Please report how many lines in the data below contain "Laminated". Nothing besides the number should be written.

**Stored data entries:**
──────
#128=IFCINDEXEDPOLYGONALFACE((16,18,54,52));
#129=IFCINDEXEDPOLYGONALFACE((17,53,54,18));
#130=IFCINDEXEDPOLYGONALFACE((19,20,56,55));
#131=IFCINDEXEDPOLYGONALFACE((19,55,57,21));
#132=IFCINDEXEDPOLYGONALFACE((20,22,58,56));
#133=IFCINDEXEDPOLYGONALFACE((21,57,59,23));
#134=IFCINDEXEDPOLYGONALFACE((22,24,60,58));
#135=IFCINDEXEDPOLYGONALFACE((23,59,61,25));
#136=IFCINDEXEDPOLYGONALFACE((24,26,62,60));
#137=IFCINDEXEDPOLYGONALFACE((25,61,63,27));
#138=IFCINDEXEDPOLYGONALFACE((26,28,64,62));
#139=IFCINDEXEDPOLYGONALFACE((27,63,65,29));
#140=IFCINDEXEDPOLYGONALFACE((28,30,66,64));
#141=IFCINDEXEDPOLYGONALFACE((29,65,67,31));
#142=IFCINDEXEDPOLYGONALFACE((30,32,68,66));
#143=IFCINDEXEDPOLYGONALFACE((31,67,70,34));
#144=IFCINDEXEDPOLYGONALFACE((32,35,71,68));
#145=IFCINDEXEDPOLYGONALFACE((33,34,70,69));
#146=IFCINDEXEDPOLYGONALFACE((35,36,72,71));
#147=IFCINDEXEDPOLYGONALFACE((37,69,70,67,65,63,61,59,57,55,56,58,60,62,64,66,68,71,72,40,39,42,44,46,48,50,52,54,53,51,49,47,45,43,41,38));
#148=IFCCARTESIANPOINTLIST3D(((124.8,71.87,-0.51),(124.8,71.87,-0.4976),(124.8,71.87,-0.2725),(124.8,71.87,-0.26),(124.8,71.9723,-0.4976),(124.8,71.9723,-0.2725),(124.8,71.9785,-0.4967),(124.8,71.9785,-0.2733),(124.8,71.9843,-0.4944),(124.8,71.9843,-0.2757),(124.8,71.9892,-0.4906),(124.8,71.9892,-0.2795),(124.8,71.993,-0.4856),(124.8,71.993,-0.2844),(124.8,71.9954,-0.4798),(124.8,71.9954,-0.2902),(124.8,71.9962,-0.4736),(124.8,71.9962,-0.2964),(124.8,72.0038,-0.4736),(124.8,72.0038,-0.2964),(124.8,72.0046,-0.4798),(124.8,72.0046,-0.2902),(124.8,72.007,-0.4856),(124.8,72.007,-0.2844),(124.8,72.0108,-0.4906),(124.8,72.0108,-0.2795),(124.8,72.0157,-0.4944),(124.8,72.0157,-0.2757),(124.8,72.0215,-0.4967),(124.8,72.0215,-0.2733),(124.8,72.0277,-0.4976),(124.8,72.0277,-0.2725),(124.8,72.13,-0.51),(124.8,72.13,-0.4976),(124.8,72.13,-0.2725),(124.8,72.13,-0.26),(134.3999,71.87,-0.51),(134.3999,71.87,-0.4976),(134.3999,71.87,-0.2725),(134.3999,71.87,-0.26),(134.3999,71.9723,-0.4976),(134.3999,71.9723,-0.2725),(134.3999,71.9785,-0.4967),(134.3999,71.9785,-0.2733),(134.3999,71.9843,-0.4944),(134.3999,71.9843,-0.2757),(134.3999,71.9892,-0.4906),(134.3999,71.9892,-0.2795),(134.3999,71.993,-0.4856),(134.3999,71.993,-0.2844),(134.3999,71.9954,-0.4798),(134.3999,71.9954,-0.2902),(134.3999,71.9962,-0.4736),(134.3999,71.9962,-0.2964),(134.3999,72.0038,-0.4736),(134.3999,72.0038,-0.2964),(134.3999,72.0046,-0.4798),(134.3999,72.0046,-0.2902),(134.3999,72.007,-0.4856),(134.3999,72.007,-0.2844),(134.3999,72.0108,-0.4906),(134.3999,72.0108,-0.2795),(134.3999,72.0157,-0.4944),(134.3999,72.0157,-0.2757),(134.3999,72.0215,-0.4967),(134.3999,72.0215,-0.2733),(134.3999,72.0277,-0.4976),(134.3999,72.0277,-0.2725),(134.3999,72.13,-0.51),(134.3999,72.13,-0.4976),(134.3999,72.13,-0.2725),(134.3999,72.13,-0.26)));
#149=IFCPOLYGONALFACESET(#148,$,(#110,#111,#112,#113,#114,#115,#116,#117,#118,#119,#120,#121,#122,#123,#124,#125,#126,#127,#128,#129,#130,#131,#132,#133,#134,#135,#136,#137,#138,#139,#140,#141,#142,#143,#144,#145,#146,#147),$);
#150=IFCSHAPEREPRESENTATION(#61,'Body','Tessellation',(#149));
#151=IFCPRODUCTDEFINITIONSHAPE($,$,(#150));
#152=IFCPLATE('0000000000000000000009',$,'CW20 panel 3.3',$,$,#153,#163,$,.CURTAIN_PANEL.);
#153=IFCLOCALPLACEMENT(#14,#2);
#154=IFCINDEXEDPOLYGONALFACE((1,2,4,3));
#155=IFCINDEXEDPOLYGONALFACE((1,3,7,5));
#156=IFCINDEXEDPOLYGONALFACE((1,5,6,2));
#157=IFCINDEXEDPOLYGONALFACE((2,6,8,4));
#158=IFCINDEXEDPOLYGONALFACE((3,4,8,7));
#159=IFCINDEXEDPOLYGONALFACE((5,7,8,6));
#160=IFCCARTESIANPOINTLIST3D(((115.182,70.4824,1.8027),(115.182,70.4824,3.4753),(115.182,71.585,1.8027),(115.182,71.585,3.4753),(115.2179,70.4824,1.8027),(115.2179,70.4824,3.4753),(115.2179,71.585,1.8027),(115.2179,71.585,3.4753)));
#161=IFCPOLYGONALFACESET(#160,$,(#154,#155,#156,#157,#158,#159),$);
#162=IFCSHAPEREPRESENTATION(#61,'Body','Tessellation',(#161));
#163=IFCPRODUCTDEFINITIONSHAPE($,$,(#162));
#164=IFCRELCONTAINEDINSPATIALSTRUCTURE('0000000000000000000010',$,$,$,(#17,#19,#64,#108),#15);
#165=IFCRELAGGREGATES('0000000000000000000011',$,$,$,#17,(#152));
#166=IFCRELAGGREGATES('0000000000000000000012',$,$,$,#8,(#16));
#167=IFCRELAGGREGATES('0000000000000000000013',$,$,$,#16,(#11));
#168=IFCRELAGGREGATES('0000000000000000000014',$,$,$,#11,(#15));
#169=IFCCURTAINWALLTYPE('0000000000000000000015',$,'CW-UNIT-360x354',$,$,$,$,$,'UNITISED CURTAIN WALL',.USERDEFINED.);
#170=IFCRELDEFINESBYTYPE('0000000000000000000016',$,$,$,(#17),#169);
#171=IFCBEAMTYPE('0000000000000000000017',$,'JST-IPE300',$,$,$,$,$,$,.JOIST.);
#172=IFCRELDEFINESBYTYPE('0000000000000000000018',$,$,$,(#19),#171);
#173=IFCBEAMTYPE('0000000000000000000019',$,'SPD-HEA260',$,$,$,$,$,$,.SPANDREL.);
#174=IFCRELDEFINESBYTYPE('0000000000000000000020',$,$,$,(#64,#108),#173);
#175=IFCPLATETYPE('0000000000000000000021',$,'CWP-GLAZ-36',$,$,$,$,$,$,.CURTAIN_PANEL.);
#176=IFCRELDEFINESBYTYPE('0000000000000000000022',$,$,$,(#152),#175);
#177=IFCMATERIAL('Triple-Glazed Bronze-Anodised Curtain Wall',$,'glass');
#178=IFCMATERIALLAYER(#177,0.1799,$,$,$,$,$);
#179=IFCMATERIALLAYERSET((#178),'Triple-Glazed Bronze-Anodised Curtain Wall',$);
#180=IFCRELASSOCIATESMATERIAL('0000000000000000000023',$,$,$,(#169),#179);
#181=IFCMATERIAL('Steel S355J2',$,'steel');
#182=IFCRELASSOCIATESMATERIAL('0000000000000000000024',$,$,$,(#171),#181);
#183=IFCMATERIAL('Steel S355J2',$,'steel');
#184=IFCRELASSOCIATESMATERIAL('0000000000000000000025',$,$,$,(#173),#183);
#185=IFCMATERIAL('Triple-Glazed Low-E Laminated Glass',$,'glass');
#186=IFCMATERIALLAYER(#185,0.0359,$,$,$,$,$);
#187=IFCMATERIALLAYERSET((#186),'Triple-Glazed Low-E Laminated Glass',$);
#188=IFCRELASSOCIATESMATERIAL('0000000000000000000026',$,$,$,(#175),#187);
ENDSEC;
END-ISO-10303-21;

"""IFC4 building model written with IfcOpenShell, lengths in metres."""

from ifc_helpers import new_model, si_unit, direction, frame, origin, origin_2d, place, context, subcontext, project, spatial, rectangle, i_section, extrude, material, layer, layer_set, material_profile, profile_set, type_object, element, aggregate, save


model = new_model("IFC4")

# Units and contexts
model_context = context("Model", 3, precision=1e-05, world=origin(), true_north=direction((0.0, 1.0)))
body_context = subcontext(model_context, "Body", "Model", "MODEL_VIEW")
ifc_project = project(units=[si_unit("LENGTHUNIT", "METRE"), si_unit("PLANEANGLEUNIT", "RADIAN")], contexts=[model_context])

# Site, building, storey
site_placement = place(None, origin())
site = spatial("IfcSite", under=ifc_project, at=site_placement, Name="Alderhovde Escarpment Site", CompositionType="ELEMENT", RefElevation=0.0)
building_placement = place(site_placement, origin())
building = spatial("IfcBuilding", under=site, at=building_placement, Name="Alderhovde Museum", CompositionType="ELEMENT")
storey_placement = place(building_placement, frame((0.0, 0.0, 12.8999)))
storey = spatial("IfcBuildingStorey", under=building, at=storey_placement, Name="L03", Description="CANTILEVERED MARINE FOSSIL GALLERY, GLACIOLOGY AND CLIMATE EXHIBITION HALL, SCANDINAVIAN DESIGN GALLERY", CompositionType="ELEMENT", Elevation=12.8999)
──────
**Result of the task:** 2